§ **Your assignment**
Each entry, in full: reproduce it exactly.

§ **Data to use**
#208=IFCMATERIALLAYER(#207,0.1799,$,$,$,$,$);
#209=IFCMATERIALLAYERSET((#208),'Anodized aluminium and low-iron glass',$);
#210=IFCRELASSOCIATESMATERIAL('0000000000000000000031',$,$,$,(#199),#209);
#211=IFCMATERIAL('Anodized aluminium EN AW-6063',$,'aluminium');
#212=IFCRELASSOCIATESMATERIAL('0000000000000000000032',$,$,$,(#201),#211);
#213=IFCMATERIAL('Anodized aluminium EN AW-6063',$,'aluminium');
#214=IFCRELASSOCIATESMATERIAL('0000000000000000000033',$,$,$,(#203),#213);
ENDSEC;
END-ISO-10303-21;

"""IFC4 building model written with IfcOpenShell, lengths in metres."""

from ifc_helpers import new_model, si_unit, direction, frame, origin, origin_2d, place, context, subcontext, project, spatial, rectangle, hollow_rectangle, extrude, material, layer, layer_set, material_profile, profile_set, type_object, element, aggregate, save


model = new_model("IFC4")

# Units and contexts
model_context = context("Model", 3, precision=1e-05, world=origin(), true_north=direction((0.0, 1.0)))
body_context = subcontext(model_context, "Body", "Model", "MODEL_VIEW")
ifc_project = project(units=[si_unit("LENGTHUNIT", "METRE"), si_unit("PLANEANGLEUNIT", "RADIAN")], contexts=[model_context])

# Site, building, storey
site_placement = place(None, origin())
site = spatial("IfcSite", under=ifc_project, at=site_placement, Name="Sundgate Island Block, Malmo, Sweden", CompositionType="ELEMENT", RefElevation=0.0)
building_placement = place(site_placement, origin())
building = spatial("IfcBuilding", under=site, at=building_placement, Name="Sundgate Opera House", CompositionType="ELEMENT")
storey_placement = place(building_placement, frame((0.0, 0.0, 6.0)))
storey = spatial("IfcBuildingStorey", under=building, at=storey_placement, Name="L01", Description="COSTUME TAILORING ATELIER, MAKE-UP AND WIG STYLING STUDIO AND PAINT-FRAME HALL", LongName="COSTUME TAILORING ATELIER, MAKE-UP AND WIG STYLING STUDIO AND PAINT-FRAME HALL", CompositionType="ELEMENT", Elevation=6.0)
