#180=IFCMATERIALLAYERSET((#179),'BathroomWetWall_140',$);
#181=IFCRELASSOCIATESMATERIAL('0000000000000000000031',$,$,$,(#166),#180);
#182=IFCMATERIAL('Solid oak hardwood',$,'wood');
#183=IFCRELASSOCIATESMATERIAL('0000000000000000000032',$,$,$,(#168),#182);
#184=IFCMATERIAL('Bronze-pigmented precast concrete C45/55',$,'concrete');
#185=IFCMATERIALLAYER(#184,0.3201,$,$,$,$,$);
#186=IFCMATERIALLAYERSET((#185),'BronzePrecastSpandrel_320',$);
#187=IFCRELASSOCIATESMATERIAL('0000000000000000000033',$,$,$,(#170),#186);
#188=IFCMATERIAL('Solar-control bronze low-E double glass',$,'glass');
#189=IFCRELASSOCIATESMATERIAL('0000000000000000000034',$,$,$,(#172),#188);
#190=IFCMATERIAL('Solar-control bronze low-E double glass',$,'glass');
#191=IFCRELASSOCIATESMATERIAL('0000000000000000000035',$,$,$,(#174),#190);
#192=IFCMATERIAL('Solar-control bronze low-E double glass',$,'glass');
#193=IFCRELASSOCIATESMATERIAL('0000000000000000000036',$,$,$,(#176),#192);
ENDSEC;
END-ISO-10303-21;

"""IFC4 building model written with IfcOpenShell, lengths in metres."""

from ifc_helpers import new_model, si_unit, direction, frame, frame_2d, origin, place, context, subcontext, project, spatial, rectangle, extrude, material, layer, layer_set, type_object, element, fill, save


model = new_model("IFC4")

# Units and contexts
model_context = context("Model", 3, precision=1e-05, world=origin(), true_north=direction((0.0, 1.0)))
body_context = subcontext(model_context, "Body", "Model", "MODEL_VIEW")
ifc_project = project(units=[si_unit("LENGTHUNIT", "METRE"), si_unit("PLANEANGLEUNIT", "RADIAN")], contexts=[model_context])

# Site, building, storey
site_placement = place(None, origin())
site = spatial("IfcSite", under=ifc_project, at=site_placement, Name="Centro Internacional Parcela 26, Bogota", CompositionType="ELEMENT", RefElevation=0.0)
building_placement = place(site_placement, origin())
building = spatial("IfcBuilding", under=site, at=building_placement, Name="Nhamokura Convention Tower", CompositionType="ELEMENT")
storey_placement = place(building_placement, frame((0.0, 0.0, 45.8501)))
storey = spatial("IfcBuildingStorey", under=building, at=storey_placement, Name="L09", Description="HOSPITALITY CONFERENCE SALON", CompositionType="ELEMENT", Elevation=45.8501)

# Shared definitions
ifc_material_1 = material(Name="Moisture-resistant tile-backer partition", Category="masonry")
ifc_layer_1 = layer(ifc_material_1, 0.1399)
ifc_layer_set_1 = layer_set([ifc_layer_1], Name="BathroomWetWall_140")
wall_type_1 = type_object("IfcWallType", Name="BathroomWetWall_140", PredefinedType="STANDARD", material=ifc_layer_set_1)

§ **Exercise output**
#208=IFCMATERIALLAYER(#207,0.1799,$,$,$,$,$);
#209=IFCMATERIALLAYERSET((#208),'Anodized aluminium and low-iron glass',$);
#210=IFCRELASSOCIATESMATERIAL('0000000000000000000031',$,$,$,(#199),#209);
#211=IFCMATERIAL('Anodized aluminium EN AW-6063',$,'aluminium');
#212=IFCRELASSOCIATESMATERIAL('0000000000000000000032',$,$,$,(#201),#211);
#213=IFCMATERIAL('Anodized aluminium EN AW-6063',$,'aluminium');
#214=IFCRELASSOCIATESMATERIAL('0000000000000000000033',$,$,$,(#203),#213);
ENDSEC;
END-ISO-10303-21;

"""IFC4 building model written with IfcOpenShell, lengths in metres."""

from ifc_helpers import new_model, si_unit, direction, frame, origin, origin_2d, place, context, subcontext, project, spatial, rectangle, hollow_rectangle, extrude, material, layer, layer_set, material_profile, profile_set, type_object, element, aggregate, save


model = new_model("IFC4")

# Units and contexts
model_context = context("Model", 3, precision=1e-05, world=origin(), true_north=direction((0.0, 1.0)))
body_context = subcontext(model_context, "Body", "Model", "MODEL_VIEW")
ifc_project = project(units=[si_unit("LENGTHUNIT", "METRE"), si_unit("PLANEANGLEUNIT", "RADIAN")], contexts=[model_context])

# Site, building, storey
site_placement = place(None, origin())
site = spatial("IfcSite", under=ifc_project, at=site_placement, Name="Sundgate Island Block, Malmo, Sweden", CompositionType="ELEMENT", RefElevation=0.0)
building_placement = place(site_placement, origin())
building = spatial("IfcBuilding", under=site, at=building_placement, Name="Sundgate Opera House", CompositionType="ELEMENT")
storey_placement = place(building_placement, frame((0.0, 0.0, 6.0)))
storey = spatial("IfcBuildingStorey", under=building, at=storey_placement, Name="L01", Description="COSTUME TAILORING ATELIER, MAKE-UP AND WIG STYLING STUDIO AND PAINT-FRAME HALL", LongName="COSTUME TAILORING ATELIER, MAKE-UP AND WIG STYLING STUDIO AND PAINT-FRAME HALL", CompositionType="ELEMENT", Elevation=6.0)
#180=IFCMATERIALLAYERSET((#179),'BathroomWetWall_140',$);
#181=IFCRELASSOCIATESMATERIAL('0000000000000000000031',$,$,$,(#166),#180);
#182=IFCMATERIAL('Solid oak hardwood',$,'wood');
#183=IFCRELASSOCIATESMATERIAL('0000000000000000000032',$,$,$,(#168),#182);
#184=IFCMATERIAL('Bronze-pigmented precast concrete C45/55',$,'concrete');
#185=IFCMATERIALLAYER(#184,0.3201,$,$,$,$,$);
#186=IFCMATERIALLAYERSET((#185),'BronzePrecastSpandrel_320',$);
#187=IFCRELASSOCIATESMATERIAL('0000000000000000000033',$,$,$,(#170),#186);
#188=IFCMATERIAL('Solar-control bronze low-E double glass',$,'glass');
#189=IFCRELASSOCIATESMATERIAL('0000000000000000000034',$,$,$,(#172),#188);
#190=IFCMATERIAL('Solar-control bronze low-E double glass',$,'glass');
#191=IFCRELASSOCIATESMATERIAL('0000000000000000000035',$,$,$,(#174),#190);
#192=IFCMATERIAL('Solar-control bronze low-E double glass',$,'glass');
#193=IFCRELASSOCIATESMATERIAL('0000000000000000000036',$,$,$,(#176),#192);
ENDSEC;
END-ISO-10303-21;

"""IFC4 building model written with IfcOpenShell, lengths in metres."""

from ifc_helpers import new_model, si_unit, direction, frame, frame_2d, origin, place, context, subcontext, project, spatial, rectangle, extrude, material, layer, layer_set, type_object, element, fill, save


model = new_model("IFC4")

# Units and contexts
model_context = context("Model", 3, precision=1e-05, world=origin(), true_north=direction((0.0, 1.0)))
body_context = subcontext(model_context, "Body", "Model", "MODEL_VIEW")
ifc_project = project(units=[si_unit("LENGTHUNIT", "METRE"), si_unit("PLANEANGLEUNIT", "RADIAN")], contexts=[model_context])

# Site, building, storey
site_placement = place(None, origin())
site = spatial("IfcSite", under=ifc_project, at=site_placement, Name="Centro Internacional Parcela 26, Bogota", CompositionType="ELEMENT", RefElevation=0.0)
building_placement = place(site_placement, origin())
building = spatial("IfcBuilding", under=site, at=building_placement, Name="Nhamokura Convention Tower", CompositionType="ELEMENT")
storey_placement = place(building_placement, frame((0.0, 0.0, 45.8501)))
storey = spatial("IfcBuildingStorey", under=building, at=storey_placement, Name="L09", Description="HOSPITALITY CONFERENCE SALON", CompositionType="ELEMENT", Elevation=45.8501)

# Shared definitions
ifc_material_1 = material(Name="Moisture-resistant tile-backer partition", Category="masonry")
ifc_layer_1 = layer(ifc_material_1, 0.1399)
ifc_layer_set_1 = layer_set([ifc_layer_1], Name="BathroomWetWall_140")
wall_type_1 = type_object("IfcWallType", Name="BathroomWetWall_140", PredefinedType="STANDARD", material=ifc_layer_set_1)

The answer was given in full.